# DATA PROVIDED
• • • •

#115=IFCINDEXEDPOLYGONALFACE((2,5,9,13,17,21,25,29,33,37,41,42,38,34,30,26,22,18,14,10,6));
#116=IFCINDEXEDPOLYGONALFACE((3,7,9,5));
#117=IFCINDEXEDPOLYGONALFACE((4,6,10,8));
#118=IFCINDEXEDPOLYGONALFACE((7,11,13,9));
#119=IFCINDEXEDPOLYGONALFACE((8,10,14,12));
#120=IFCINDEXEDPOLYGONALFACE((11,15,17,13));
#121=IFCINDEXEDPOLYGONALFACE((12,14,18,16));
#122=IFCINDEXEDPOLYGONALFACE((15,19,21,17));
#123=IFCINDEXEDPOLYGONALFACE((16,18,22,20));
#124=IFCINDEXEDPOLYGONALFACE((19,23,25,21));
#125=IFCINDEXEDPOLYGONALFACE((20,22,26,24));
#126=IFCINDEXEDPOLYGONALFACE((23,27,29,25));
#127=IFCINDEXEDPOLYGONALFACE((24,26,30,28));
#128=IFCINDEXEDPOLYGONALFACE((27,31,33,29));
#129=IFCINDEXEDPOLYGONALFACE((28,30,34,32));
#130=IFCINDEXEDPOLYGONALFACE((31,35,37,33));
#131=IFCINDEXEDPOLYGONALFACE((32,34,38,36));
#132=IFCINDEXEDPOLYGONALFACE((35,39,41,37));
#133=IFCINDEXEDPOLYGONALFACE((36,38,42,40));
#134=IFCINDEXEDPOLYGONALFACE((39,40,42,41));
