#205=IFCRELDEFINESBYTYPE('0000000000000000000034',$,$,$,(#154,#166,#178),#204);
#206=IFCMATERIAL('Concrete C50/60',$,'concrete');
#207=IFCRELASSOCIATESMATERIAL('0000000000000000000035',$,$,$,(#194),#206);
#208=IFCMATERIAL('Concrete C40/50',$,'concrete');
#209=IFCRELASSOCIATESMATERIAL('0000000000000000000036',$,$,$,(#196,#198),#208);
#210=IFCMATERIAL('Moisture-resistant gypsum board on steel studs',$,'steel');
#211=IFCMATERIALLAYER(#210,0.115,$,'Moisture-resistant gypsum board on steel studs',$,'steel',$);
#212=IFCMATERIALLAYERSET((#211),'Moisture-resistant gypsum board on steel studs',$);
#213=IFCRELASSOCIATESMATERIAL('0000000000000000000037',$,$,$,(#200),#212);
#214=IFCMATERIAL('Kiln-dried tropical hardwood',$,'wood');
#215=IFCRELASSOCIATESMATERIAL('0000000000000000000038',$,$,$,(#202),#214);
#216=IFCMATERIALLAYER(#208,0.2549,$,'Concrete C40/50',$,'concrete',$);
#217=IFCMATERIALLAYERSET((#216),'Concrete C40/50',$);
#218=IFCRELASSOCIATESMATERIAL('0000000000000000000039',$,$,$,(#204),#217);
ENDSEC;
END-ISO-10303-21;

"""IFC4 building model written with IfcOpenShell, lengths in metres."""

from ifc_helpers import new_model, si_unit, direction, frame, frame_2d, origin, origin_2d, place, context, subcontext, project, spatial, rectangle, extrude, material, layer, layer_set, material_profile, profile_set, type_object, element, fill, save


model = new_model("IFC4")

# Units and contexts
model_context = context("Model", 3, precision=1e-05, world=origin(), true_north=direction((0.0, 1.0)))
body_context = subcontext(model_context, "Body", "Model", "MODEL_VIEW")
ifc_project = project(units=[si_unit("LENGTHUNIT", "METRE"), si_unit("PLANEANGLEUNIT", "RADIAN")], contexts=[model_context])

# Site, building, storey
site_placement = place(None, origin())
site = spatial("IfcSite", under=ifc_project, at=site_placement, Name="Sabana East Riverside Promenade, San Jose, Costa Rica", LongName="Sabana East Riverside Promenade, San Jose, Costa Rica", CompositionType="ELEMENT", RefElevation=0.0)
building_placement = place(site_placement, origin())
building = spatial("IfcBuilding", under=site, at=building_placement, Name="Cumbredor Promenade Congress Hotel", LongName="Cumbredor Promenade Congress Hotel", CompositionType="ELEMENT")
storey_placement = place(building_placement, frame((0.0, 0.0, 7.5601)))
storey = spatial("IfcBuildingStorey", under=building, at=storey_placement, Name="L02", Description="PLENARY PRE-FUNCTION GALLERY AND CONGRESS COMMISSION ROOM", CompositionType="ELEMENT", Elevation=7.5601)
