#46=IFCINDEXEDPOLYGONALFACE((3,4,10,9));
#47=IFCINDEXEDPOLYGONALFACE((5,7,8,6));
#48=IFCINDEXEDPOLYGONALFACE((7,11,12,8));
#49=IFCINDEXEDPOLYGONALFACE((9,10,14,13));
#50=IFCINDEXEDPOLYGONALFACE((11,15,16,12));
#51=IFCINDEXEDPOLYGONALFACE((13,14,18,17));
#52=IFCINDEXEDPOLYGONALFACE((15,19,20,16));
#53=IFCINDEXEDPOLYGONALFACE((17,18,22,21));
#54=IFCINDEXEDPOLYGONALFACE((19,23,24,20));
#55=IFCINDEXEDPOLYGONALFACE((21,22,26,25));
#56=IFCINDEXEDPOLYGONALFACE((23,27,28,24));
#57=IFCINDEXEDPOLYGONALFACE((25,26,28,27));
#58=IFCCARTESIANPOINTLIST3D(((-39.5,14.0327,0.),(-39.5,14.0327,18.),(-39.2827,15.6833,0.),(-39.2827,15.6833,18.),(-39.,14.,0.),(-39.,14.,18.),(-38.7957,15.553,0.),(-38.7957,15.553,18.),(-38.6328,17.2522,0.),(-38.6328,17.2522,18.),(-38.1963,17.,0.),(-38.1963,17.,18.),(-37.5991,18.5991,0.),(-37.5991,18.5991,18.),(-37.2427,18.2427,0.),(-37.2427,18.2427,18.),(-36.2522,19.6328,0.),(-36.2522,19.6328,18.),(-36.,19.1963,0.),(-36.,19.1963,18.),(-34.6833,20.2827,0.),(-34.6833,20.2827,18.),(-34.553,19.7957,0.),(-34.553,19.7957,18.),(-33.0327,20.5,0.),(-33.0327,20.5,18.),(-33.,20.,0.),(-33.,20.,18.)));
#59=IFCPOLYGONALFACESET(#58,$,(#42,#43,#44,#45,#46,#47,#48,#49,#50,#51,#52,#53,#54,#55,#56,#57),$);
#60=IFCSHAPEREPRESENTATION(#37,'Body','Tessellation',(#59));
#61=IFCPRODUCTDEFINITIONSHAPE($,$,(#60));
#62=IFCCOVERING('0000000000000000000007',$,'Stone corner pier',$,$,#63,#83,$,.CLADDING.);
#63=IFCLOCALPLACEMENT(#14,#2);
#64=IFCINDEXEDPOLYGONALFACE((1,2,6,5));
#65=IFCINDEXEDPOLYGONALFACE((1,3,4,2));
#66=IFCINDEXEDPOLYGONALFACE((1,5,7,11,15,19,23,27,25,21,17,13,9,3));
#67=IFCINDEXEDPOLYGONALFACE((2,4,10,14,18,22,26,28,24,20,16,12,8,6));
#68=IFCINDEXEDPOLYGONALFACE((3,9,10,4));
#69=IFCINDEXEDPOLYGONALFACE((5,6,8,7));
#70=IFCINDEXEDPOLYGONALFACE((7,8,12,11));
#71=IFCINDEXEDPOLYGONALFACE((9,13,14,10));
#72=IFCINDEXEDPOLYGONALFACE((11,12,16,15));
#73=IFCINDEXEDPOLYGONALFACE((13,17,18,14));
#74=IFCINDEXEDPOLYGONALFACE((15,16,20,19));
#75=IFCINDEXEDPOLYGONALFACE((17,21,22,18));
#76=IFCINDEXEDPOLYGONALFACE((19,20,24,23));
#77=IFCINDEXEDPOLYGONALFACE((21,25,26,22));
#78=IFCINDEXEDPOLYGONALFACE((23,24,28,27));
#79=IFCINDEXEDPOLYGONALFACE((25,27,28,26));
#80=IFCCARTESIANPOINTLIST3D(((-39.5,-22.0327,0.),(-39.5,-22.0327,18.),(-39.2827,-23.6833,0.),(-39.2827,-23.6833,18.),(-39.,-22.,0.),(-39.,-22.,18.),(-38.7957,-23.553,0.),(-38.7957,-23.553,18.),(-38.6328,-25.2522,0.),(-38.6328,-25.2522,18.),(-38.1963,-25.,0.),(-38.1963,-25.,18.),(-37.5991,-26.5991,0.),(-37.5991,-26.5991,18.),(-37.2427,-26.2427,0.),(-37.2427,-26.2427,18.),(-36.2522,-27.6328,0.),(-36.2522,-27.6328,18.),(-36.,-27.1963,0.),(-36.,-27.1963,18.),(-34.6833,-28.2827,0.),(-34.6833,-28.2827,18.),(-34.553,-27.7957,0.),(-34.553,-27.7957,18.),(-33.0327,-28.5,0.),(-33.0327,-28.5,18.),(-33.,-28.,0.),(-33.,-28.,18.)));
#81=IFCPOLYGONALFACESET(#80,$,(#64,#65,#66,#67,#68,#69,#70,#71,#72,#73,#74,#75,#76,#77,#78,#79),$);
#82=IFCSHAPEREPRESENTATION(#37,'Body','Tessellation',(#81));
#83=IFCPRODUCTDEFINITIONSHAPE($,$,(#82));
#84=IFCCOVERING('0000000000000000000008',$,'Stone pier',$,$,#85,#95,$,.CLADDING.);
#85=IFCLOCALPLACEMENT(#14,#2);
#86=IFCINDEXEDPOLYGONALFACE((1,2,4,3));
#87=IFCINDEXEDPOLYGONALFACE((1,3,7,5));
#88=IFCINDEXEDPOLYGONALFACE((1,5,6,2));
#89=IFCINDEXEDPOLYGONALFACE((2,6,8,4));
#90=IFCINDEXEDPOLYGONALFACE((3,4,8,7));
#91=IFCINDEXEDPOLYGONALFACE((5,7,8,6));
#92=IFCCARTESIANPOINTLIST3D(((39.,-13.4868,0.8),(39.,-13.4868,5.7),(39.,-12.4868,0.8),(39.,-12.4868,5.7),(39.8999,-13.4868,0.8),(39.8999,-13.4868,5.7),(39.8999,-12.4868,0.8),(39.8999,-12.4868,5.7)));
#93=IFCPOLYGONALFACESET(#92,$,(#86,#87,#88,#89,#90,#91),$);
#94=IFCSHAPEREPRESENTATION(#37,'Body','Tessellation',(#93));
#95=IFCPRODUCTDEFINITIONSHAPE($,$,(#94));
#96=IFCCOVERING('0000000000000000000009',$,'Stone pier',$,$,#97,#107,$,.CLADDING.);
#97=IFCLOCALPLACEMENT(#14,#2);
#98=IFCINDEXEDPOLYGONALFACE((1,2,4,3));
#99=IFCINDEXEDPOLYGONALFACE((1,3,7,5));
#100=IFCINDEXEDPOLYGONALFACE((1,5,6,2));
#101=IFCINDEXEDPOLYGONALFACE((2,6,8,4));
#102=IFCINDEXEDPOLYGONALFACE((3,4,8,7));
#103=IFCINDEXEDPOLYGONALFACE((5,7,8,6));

• • • •

Reproduce exactly, and with no other material, the lines between those holding "#91=IFCINDEXEDPOLYGONALFACE((5,7,8,6));" and "#102=IFCINDEXEDPOLYGONALFACE((3,4,8,7));", inclusive.

# WRITTEN RESPONSE
#91=IFCINDEXEDPOLYGONALFACE((5,7,8,6));
#92=IFCCARTESIANPOINTLIST3D(((39.,-13.4868,0.8),(39.,-13.4868,5.7),(39.,-12.4868,0.8),(39.,-12.4868,5.7),(39.8999,-13.4868,0.8),(39.8999,-13.4868,5.7),(39.8999,-12.4868,0.8),(39.8999,-12.4868,5.7)));
#93=IFCPOLYGONALFACESET(#92,$,(#86,#87,#88,#89,#90,#91),$);
#94=IFCSHAPEREPRESENTATION(#37,'Body','Tessellation',(#93));
#95=IFCPRODUCTDEFINITIONSHAPE($,$,(#94));
#96=IFCCOVERING('0000000000000000000009',$,'Stone pier',$,$,#97,#107,$,.CLADDING.);
#97=IFCLOCALPLACEMENT(#14,#2);
#98=IFCINDEXEDPOLYGONALFACE((1,2,4,3));
#99=IFCINDEXEDPOLYGONALFACE((1,3,7,5));
#100=IFCINDEXEDPOLYGONALFACE((1,5,6,2));
#101=IFCINDEXEDPOLYGONALFACE((2,6,8,4));
#102=IFCINDEXEDPOLYGONALFACE((3,4,8,7));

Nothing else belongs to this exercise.